(Beginning of Given data)

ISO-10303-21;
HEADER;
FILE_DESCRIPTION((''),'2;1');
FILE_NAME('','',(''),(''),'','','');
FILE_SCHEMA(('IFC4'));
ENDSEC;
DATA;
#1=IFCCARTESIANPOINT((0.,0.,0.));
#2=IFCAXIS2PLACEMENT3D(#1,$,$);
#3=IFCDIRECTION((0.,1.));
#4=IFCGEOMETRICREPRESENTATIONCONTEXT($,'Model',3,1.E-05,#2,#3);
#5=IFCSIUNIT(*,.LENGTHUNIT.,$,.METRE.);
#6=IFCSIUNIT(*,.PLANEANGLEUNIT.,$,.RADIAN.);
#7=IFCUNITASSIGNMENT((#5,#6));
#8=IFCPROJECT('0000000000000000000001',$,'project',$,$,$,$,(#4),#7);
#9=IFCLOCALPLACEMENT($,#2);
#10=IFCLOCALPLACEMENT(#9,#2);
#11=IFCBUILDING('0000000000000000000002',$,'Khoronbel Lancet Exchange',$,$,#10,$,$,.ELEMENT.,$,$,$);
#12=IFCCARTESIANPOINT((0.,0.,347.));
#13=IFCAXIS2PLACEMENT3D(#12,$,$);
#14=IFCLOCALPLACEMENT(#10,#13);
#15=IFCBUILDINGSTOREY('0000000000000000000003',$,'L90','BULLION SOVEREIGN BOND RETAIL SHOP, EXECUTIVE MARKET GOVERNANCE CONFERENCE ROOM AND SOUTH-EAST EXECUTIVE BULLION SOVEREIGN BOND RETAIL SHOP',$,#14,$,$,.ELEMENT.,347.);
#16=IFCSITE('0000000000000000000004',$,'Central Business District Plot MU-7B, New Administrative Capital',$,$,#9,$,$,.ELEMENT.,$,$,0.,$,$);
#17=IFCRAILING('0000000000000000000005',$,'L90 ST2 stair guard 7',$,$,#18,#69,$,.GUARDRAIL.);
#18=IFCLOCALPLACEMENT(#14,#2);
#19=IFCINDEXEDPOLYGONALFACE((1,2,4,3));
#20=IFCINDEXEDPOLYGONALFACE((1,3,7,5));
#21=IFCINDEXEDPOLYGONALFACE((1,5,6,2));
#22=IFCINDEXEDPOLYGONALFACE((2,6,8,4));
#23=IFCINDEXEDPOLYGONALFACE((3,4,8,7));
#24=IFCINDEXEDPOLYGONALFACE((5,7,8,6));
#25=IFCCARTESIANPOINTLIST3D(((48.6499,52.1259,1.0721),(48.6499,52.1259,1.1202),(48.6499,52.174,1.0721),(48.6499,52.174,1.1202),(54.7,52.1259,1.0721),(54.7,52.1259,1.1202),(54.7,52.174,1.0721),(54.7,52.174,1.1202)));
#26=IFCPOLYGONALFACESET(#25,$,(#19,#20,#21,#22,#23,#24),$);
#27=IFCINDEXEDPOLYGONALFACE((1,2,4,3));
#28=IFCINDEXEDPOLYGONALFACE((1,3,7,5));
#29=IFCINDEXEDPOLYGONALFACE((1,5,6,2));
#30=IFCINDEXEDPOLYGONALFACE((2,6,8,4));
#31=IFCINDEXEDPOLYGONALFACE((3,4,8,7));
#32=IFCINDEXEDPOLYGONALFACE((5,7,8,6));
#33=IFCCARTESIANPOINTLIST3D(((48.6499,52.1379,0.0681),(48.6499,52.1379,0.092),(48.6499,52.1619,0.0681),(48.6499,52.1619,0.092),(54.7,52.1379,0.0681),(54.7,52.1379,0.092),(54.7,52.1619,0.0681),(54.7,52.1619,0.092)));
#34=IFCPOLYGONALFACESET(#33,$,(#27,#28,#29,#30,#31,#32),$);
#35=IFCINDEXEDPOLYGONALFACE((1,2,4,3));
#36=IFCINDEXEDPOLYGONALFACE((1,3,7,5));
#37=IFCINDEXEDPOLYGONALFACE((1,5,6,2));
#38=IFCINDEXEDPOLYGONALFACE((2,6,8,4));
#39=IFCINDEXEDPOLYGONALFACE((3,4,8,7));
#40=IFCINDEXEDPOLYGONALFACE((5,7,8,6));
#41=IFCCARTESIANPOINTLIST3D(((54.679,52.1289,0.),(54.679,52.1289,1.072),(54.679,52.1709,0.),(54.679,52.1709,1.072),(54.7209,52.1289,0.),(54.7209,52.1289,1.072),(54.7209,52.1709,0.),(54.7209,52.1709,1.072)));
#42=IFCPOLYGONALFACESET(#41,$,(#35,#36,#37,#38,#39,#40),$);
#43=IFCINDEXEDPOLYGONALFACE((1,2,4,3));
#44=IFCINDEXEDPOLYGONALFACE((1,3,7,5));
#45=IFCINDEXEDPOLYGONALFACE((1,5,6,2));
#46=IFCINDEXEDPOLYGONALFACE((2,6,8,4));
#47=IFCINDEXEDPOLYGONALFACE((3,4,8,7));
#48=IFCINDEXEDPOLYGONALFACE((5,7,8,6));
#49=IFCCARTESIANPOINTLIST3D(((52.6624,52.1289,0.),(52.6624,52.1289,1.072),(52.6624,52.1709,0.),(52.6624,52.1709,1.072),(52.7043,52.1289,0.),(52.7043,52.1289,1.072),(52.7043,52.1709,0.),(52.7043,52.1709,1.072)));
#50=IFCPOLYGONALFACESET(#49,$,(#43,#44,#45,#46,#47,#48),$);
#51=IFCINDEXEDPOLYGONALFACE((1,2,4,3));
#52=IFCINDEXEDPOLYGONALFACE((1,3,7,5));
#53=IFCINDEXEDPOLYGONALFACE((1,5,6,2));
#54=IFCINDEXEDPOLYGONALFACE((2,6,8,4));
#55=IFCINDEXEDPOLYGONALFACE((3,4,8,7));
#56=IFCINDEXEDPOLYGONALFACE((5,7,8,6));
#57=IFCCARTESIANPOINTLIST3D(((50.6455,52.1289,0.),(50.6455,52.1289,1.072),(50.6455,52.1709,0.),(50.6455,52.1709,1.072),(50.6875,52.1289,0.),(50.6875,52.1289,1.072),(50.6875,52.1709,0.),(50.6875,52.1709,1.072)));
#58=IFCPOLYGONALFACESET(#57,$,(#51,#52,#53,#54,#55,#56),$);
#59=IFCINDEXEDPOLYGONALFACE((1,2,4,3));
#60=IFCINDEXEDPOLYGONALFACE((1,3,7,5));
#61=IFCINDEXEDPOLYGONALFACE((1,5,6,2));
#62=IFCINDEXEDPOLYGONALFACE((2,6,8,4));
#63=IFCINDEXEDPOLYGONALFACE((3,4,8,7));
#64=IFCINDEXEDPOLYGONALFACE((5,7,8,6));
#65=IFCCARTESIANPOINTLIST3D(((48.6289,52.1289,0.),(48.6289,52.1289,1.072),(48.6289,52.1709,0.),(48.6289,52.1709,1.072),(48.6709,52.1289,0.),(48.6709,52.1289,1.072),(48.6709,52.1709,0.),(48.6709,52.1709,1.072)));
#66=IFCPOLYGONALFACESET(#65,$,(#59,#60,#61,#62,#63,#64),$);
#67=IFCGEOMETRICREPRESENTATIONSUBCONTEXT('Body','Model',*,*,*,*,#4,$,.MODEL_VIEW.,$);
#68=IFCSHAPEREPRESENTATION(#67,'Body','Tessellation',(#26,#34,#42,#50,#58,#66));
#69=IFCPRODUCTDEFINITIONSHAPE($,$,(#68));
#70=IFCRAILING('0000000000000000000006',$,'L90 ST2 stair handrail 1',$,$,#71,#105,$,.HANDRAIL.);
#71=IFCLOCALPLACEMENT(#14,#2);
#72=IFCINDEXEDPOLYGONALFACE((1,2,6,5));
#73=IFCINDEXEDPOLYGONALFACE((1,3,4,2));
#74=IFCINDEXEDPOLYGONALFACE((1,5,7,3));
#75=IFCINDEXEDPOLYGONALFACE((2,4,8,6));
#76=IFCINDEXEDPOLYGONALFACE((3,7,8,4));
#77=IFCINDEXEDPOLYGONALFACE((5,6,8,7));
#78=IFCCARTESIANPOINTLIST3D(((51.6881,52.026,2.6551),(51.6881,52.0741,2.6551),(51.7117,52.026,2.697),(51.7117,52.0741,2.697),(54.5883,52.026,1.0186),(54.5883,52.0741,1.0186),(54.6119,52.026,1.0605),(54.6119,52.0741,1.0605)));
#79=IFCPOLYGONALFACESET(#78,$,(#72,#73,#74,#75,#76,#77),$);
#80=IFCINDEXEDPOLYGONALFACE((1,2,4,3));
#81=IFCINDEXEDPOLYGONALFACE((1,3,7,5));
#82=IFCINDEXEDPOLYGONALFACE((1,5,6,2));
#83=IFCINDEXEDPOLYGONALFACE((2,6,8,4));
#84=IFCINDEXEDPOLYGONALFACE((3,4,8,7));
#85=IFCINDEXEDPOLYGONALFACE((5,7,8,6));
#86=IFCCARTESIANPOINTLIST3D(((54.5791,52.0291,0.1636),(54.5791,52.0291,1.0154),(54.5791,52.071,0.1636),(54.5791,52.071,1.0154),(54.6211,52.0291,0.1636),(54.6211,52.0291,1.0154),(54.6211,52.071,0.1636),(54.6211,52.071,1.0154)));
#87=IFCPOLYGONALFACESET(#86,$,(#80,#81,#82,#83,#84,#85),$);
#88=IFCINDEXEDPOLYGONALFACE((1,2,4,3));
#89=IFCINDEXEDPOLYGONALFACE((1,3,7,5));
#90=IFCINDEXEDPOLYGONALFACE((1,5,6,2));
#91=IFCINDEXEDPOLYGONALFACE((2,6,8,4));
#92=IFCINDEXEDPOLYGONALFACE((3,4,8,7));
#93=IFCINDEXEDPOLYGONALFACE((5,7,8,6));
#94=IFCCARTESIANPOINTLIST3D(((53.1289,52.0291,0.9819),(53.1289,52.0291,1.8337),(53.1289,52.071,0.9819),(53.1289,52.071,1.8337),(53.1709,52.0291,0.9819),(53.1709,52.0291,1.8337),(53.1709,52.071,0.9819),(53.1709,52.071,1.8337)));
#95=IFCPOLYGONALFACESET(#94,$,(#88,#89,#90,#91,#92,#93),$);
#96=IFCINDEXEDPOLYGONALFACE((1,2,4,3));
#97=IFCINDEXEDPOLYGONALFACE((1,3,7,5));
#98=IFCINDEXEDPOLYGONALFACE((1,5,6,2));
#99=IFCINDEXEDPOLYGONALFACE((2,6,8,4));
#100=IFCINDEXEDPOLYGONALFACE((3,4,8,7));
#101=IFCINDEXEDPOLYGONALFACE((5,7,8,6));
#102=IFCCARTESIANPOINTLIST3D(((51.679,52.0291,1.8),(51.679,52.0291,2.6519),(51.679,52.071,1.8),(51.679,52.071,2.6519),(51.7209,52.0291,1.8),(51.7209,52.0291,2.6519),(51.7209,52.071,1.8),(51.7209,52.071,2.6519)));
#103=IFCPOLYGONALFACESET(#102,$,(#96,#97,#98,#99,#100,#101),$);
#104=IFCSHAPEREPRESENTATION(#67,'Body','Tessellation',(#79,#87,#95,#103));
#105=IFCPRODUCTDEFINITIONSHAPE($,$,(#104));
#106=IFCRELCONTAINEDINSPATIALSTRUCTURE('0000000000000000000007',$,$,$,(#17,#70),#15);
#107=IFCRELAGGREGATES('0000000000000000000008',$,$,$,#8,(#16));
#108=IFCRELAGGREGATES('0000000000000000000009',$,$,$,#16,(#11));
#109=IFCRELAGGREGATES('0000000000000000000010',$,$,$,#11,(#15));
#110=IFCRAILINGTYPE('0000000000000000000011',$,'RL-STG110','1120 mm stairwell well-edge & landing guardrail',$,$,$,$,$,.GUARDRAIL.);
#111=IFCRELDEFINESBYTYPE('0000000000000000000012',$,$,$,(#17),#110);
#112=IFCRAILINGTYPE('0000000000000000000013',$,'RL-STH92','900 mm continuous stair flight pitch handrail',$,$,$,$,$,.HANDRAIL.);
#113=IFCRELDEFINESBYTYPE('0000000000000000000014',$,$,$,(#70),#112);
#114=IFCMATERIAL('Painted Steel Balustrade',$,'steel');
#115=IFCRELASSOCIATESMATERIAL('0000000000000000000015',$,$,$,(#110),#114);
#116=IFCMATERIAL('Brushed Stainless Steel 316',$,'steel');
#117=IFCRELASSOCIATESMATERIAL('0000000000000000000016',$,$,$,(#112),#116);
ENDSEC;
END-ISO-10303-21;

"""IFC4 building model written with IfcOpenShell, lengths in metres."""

from ifc_helpers import new_model, si_unit, direction, frame, origin, origin_2d, place, context, subcontext, project, spatial, rectangle, extrude, material, type_object, element, save


model = new_model("IFC4")

# Units and contexts
model_context = context("Model", 3, precision=1e-05, world=origin(), true_north=direction((0.0, 1.0)))
body_context = subcontext(model_context, "Body", "Model", "MODEL_VIEW")
ifc_project = project(units=[si_unit("LENGTHUNIT", "METRE"), si_unit("PLANEANGLEUNIT", "RADIAN")], contexts=[model_context])

# Site, building, storey
site_placement = place(None, origin())
site = spatial("IfcSite", under=ifc_project, at=site_placement, Name="Central Business District Plot MU-7B, New Administrative Capital", CompositionType="ELEMENT", RefElevation=0.0)
building_placement = place(site_placement, origin())
building = spatial("IfcBuilding", under=site, at=building_placement, Name="Khoronbel Lancet Exchange", CompositionType="ELEMENT")
storey_placement = place(building_placement, frame((0.0, 0.0, 347.0)))
storey = spatial("IfcBuildingStorey", under=building, at=storey_placement, Name="L90", Description="BULLION SOVEREIGN BOND RETAIL SHOP, EXECUTIVE MARKET GOVERNANCE CONFERENCE ROOM AND SOUTH-EAST EXECUTIVE BULLION SOVEREIGN BOND RETAIL SHOP", CompositionType="ELEMENT", Elevation=347.0)

# Railings
ifc_material_1 = material(Name="Painted Steel Balustrade", Category="steel")
railing_type_1 = type_object("IfcRailingType", Name="RL-STG110", Description="1120 mm stairwell well-edge & landing guardrail", PredefinedType="GUARDRAIL", material=ifc_material_1)
railing_1_placement = place(storey_placement, frame((54.7, 52.1499, 0.0)))
element("IfcRailing", 1, at=railing_1_placement, inside=storey, type_object=railing_type_1, Name="L90 ST2 stair guard 7", PredefinedType="GUARDRAIL", context=body_context, shape_type="SweptSolid", body=[
    extrude(rectangle(XDim=0.0481, YDim=0.0481, at=origin_2d()), frame((0.0, 0.0, 1.0962), z_axis=(-1.0, 0.0, 0.0), x_axis=(0.0, -1.0, 0.0)), (0.0, 0.0, 1.0), 6.05),
    extrude(rectangle(XDim=0.0239, YDim=0.0239, at=origin_2d()), frame((0.0, 0.0, 0.0801), z_axis=(-1.0, 0.0, 0.0), x_axis=(0.0, -1.0, 0.0)), (0.0, 0.0, 1.0), 6.05),
    extrude(rectangle(XDim=0.042, YDim=0.042, at=origin_2d()), origin(), (0.0, 0.0, 1.0), 1.072),
    extrude(rectangle(XDim=0.042, YDim=0.042, at=origin_2d()), frame((-2.0166, 0.0, 0.0)), (0.0, 0.0, 1.0), 1.072),
    extrude(rectangle(XDim=0.042, YDim=0.042, at=origin_2d()), frame((-4.0334, 0.0, 0.0)), (0.0, 0.0, 1.0), 1.072),
    extrude(rectangle(XDim=0.042, YDim=0.042, at=origin_2d()), frame((-6.05, 0.0, 0.0)), (0.0, 0.0, 1.0), 1.072),
])
ifc_material_2 = material(Name="Brushed Stainless Steel 316", Category="steel")
railing_type_2 = type_object("IfcRailingType", Name="RL-STH92", Description="900 mm continuous stair flight pitch handrail", PredefinedType="HANDRAIL", material=ifc_material_2)
railing_2_placement = place(storey_placement, frame((54.6001, 52.05, 0.1636)))
element("IfcRailing", 2, at=railing_2_placement, inside=storey, type_object=railing_type_2, Name="L90 ST2 stair handrail 1", PredefinedType="HANDRAIL", context=body_context, shape_type="SweptSolid", body=[
    extrude(rectangle(XDim=0.0481, YDim=0.0481, at=origin_2d()), frame((0.0, 0.0, 0.876), z_axis=(-0.870915, 0.0, 0.491434), x_axis=(0.0, -1.0, 0.0)), (0.0, 0.0, 1.0), 3.3301),
    extrude(rectangle(XDim=0.042, YDim=0.042, at=origin_2d()), origin(), (0.0, 0.0, 1.0), 0.8518),
    extrude(rectangle(XDim=0.042, YDim=0.042, at=origin_2d()), frame((-1.4502, 0.0, 0.8184)), (0.0, 0.0, 1.0), 0.8518),
    extrude(rectangle(XDim=0.042, YDim=0.042, at=origin_2d()), frame((-2.9001, 0.0, 1.6365)), (0.0, 0.0, 1.0), 0.8518),
])

save(model, "model.ifc")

(End of Given data)

◆ What you need to do ◆
An exact copy of the lines above between the line holding "#108=IFCRELAGGREGATES('0000000000000000000009',$,$,$,#16,(#11));" and the line holding "#116=IFCMATERIAL('Brushed Stainless Steel", inclusive, is the whole answer.

◆ Response area ◆
#108=IFCRELAGGREGATES('0000000000000000000009',$,$,$,#16,(#11));
#109=IFCRELAGGREGATES('0000000000000000000010',$,$,$,#11,(#15));
#110=IFCRAILINGTYPE('0000000000000000000011',$,'RL-STG110','1120 mm stairwell well-edge & landing guardrail',$,$,$,$,$,.GUARDRAIL.);
#111=IFCRELDEFINESBYTYPE('0000000000000000000012',$,$,$,(#17),#110);
#112=IFCRAILINGTYPE('0000000000000000000013',$,'RL-STH92','900 mm continuous stair flight pitch handrail',$,$,$,$,$,.HANDRAIL.);
#113=IFCRELDEFINESBYTYPE('0000000000000000000014',$,$,$,(#70),#112);
#114=IFCMATERIAL('Painted Steel Balustrade',$,'steel');
#115=IFCRELASSOCIATESMATERIAL('0000000000000000000015',$,$,$,(#110),#114);
#116=IFCMATERIAL('Brushed Stainless Steel 316',$,'steel');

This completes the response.